MATERIAL FOR THIS EXERCISE
------------------------------------------------
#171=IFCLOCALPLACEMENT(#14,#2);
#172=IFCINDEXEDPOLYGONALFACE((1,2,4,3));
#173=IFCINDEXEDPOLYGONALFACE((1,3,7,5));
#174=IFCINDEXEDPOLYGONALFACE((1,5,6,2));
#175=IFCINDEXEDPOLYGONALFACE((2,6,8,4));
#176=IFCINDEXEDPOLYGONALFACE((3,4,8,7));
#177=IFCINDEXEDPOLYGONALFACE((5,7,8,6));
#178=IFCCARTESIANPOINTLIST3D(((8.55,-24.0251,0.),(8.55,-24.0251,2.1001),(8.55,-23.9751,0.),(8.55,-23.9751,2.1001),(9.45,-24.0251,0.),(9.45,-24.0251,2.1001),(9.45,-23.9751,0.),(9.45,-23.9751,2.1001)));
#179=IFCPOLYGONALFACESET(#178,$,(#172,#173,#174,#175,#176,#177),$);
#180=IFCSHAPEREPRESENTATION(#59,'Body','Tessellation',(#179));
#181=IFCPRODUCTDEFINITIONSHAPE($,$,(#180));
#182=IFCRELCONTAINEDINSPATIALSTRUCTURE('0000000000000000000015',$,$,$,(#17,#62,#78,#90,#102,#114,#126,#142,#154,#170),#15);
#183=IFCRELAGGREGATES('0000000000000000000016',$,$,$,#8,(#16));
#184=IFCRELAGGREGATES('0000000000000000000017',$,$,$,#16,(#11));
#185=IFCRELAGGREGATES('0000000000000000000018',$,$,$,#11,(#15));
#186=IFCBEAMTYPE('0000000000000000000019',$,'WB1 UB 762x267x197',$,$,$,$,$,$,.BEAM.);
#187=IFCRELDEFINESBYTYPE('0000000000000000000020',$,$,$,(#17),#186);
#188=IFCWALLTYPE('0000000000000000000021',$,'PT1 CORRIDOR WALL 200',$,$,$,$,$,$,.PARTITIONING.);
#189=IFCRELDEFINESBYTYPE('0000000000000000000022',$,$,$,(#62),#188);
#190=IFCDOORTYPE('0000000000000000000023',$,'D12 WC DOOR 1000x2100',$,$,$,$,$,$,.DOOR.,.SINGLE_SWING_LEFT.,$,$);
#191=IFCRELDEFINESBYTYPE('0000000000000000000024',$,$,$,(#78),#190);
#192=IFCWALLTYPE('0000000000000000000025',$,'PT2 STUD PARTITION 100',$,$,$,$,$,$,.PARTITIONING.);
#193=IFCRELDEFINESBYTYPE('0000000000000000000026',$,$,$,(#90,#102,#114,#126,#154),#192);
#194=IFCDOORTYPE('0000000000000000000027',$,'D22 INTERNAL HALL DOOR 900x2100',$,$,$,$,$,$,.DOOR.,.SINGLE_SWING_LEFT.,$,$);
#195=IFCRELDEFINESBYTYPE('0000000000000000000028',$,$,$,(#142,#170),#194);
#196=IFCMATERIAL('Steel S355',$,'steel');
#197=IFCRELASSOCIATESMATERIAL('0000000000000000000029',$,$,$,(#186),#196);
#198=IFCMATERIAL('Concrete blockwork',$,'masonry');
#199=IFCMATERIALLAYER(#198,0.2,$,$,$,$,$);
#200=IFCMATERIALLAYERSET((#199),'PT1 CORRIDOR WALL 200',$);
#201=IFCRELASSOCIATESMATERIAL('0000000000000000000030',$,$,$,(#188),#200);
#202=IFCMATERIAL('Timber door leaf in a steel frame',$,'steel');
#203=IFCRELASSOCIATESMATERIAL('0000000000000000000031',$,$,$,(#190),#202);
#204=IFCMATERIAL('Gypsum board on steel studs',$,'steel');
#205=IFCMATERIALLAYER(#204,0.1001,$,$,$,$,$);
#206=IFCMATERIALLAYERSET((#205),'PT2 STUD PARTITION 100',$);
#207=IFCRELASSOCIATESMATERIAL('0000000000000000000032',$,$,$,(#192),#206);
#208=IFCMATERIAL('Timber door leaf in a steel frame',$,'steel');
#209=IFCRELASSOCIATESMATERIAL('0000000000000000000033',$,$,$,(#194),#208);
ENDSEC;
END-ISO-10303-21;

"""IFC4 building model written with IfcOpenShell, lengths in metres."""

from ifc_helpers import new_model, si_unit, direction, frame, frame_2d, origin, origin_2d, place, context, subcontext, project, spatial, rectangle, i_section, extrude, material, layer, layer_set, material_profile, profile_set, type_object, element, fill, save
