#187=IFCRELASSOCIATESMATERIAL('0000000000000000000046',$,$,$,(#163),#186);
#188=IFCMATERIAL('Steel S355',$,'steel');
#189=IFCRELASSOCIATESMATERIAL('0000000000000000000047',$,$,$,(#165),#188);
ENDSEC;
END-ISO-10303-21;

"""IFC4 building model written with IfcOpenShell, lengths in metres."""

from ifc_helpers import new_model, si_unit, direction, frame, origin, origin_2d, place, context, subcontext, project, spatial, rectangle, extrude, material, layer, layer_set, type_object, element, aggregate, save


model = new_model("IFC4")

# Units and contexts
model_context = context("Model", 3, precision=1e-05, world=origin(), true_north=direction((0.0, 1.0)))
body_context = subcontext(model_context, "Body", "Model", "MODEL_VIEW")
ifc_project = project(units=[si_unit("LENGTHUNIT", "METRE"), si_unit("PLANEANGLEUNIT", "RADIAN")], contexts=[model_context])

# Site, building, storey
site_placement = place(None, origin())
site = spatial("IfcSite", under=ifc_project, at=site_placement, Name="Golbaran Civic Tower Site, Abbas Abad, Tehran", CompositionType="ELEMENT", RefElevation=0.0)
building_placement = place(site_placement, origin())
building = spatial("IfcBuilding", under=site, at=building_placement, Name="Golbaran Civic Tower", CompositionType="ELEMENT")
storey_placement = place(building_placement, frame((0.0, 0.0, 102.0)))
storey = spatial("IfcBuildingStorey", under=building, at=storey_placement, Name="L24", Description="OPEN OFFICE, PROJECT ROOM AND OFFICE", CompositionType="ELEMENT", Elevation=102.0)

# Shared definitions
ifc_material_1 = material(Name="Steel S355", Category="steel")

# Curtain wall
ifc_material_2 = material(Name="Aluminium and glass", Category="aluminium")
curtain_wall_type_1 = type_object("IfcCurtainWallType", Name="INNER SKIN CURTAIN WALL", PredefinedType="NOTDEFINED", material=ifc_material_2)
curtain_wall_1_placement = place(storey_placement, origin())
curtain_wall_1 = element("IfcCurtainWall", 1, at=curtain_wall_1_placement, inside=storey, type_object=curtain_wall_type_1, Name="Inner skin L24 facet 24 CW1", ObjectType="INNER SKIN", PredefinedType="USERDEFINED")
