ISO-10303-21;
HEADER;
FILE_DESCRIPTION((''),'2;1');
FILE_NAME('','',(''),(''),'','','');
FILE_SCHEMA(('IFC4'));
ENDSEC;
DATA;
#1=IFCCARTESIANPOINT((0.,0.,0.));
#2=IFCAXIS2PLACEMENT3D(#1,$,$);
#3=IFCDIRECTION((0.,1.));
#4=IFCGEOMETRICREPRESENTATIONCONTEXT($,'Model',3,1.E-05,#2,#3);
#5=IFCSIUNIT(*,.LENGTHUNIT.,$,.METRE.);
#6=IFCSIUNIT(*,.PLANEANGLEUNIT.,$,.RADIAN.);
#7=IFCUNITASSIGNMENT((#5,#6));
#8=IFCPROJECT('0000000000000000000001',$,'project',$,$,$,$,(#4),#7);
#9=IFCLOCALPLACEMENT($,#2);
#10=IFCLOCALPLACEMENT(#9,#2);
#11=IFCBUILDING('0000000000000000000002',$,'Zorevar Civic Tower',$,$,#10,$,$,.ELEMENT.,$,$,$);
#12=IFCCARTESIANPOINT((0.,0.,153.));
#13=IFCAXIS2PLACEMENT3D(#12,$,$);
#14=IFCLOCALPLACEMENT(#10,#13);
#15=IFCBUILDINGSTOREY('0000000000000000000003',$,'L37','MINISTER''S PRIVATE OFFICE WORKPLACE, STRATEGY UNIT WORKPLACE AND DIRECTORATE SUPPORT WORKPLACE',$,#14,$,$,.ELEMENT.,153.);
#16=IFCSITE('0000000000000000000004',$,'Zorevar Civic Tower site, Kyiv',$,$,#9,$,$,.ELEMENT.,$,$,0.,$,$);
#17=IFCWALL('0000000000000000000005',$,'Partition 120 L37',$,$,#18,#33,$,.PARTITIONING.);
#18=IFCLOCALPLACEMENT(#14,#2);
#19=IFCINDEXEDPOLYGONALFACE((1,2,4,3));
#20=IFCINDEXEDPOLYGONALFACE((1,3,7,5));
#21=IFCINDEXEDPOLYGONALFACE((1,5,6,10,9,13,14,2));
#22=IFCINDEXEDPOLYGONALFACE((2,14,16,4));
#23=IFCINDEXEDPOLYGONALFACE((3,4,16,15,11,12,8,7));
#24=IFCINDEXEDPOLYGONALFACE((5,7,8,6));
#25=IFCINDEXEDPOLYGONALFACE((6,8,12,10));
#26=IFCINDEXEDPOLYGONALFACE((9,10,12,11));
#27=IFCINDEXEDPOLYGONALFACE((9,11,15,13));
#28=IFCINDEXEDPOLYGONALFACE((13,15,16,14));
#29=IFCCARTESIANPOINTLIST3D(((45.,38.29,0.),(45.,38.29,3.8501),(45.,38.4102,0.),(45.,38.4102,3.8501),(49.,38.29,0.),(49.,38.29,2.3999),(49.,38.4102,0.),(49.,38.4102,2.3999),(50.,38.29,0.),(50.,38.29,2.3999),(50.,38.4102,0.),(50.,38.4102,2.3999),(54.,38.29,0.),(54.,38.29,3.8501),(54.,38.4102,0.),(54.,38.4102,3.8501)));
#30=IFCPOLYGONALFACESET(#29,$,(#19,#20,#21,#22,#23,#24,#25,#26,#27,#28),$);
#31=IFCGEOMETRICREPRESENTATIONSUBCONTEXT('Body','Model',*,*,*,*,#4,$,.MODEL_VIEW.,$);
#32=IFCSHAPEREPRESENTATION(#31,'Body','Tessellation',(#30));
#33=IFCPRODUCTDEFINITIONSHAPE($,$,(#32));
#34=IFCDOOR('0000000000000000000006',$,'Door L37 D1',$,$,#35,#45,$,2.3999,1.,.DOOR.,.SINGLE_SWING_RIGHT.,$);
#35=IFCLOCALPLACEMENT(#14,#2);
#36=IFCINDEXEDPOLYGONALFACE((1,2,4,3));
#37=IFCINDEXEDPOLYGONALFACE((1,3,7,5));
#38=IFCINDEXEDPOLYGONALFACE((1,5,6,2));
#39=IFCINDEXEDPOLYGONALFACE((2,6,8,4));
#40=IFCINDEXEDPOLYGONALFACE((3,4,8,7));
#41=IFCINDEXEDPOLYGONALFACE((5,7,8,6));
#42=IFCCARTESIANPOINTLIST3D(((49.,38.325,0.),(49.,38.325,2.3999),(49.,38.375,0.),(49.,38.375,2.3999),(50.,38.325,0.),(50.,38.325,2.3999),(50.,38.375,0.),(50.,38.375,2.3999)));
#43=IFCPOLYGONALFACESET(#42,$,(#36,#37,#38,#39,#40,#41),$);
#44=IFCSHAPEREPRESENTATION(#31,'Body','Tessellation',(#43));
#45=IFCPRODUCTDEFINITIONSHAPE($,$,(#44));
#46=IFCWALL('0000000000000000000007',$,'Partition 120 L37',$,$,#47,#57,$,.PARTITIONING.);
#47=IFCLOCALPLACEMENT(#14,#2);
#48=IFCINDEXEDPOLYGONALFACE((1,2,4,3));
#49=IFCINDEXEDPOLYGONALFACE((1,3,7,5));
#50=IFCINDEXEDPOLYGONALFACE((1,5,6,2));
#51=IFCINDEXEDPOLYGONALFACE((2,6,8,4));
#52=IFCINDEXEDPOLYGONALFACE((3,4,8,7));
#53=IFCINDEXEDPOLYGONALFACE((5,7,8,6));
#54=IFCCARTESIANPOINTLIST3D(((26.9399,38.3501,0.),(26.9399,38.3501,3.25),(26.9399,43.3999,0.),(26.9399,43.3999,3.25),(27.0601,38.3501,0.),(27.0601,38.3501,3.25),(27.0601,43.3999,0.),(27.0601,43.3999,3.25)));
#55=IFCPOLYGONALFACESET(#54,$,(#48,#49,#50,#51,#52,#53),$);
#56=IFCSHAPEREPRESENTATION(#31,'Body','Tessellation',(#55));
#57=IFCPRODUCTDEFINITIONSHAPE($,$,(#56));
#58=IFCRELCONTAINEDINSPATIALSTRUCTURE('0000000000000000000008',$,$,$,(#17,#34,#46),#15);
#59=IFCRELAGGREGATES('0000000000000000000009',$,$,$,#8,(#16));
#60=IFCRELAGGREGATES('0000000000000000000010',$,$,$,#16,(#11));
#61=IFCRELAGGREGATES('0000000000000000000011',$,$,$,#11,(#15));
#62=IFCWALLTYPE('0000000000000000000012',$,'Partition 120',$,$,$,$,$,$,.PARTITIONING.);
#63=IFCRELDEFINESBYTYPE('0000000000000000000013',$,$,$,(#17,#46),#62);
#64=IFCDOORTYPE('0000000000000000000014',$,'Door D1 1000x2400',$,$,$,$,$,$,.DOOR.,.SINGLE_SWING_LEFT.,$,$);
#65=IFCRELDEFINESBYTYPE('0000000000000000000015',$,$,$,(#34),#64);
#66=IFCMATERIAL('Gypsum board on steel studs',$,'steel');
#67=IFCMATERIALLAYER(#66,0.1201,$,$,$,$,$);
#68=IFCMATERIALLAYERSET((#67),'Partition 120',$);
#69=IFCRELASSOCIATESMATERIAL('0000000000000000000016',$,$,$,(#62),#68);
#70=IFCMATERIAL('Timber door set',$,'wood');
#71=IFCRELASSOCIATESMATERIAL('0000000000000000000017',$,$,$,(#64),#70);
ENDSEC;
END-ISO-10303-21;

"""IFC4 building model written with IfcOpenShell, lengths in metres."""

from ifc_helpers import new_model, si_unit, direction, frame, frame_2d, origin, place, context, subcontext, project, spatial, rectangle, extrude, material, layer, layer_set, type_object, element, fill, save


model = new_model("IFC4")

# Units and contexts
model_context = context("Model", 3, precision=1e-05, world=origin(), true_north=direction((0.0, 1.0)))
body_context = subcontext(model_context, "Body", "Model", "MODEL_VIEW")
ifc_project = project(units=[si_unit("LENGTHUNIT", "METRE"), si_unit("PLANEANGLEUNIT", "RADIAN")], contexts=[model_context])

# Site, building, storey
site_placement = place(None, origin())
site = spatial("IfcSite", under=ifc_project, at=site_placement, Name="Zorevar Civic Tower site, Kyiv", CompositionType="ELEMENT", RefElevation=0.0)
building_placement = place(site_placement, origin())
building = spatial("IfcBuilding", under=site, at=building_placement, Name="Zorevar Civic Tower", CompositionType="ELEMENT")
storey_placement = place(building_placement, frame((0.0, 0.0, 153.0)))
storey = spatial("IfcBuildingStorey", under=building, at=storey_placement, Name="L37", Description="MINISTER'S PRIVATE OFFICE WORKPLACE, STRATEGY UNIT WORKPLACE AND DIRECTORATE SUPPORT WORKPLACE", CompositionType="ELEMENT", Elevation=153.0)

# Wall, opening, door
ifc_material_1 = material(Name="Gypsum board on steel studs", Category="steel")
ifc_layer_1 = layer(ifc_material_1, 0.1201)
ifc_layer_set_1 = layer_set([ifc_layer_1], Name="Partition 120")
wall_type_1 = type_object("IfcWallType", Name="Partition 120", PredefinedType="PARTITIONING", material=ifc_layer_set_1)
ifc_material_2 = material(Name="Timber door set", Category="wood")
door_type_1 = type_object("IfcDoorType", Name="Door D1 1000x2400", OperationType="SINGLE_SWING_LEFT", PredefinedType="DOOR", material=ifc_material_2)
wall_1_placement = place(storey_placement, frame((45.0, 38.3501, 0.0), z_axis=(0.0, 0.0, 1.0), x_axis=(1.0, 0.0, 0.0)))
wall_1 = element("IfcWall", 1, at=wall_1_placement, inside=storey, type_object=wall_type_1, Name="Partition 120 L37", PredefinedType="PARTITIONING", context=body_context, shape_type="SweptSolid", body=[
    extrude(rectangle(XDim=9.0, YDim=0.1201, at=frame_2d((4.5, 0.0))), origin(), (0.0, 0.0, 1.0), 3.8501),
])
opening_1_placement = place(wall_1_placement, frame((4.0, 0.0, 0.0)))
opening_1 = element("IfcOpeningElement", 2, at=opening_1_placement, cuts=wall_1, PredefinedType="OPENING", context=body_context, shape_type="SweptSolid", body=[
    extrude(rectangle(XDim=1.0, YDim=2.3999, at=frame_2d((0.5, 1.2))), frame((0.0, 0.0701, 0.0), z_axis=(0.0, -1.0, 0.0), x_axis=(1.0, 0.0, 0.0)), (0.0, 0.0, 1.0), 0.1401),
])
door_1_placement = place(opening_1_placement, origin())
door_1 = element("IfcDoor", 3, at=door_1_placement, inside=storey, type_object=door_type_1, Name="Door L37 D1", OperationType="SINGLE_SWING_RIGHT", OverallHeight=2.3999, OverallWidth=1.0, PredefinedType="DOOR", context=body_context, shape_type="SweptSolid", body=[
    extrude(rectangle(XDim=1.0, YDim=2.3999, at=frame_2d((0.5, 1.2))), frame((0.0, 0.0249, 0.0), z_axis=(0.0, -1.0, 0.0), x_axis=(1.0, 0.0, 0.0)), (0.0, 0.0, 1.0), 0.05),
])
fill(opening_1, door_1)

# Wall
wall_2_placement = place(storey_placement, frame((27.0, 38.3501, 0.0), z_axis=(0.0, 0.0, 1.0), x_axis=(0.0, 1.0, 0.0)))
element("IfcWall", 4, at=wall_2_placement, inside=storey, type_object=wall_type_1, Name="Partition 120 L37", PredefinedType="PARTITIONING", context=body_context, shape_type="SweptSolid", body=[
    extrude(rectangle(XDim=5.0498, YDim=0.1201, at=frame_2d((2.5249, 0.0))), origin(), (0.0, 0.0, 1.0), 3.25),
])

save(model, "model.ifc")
------------------------------------------------
ACTION ITEM
Working from the records above, write out verbatim only the lines from the line containing "#10=IFCLOCALPLACEMENT(#9,#2);" through the line containing "#14=IFCLOCALPLACEMENT(#10,#13);".

WRITTEN ANSWER
#10=IFCLOCALPLACEMENT(#9,#2);
#11=IFCBUILDING('0000000000000000000002',$,'Zorevar Civic Tower',$,$,#10,$,$,.ELEMENT.,$,$,$);
#12=IFCCARTESIANPOINT((0.,0.,153.));
#13=IFCAXIS2PLACEMENT3D(#12,$,$);
#14=IFCLOCALPLACEMENT(#10,#13);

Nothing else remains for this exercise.